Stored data

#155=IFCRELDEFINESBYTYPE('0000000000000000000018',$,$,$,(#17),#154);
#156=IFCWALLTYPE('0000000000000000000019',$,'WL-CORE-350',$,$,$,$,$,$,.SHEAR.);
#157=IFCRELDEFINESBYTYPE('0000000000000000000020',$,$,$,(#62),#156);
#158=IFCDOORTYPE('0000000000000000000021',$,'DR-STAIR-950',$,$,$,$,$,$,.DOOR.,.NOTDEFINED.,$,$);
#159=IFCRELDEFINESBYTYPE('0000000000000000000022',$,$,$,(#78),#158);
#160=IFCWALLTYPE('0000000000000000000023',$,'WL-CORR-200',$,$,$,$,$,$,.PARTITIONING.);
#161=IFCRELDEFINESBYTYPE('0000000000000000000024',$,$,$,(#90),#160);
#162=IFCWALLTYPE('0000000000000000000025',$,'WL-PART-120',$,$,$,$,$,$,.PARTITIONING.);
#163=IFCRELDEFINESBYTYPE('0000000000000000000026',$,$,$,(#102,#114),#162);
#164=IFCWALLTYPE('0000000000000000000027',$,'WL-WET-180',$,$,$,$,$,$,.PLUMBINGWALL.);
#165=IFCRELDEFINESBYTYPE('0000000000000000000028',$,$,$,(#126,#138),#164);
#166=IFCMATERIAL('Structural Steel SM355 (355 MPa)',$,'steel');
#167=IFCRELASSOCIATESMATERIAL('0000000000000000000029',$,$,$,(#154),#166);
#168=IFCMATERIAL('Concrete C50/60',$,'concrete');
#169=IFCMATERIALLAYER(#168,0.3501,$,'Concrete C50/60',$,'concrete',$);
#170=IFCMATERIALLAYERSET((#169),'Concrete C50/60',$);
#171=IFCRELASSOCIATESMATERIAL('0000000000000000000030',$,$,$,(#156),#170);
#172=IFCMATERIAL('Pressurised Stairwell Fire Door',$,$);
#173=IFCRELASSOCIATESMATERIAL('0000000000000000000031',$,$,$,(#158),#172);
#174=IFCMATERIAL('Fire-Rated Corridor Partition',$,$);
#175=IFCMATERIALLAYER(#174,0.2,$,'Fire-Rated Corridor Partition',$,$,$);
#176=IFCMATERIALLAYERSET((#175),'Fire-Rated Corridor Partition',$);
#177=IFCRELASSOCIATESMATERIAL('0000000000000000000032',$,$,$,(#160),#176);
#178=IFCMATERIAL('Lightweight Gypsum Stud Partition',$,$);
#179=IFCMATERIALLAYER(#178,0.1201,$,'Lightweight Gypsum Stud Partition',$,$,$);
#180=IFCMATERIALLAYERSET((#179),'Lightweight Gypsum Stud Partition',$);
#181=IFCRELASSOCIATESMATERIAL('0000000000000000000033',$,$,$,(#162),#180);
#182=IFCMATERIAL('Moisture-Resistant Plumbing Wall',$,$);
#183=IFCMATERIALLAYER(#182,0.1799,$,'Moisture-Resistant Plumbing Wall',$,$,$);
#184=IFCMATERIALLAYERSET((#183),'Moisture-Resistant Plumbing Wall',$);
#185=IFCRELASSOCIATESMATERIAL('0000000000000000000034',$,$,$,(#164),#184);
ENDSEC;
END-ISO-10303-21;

» What is required
Output, exactly and with nothing else, the lines from the line containing "#180=IFCMATERIALLAYERSET((#179),'Lightweight Gypsum Stud" to the end of the entries.

» Exercise answer
#180=IFCMATERIALLAYERSET((#179),'Lightweight Gypsum Stud Partition',$);
#181=IFCRELASSOCIATESMATERIAL('0000000000000000000033',$,$,$,(#162),#180);
#182=IFCMATERIAL('Moisture-Resistant Plumbing Wall',$,$);
#183=IFCMATERIALLAYER(#182,0.1799,$,'Moisture-Resistant Plumbing Wall',$,$,$);
#184=IFCMATERIALLAYERSET((#183),'Moisture-Resistant Plumbing Wall',$);
#185=IFCRELASSOCIATESMATERIAL('0000000000000000000034',$,$,$,(#164),#184);
ENDSEC;
END-ISO-10303-21;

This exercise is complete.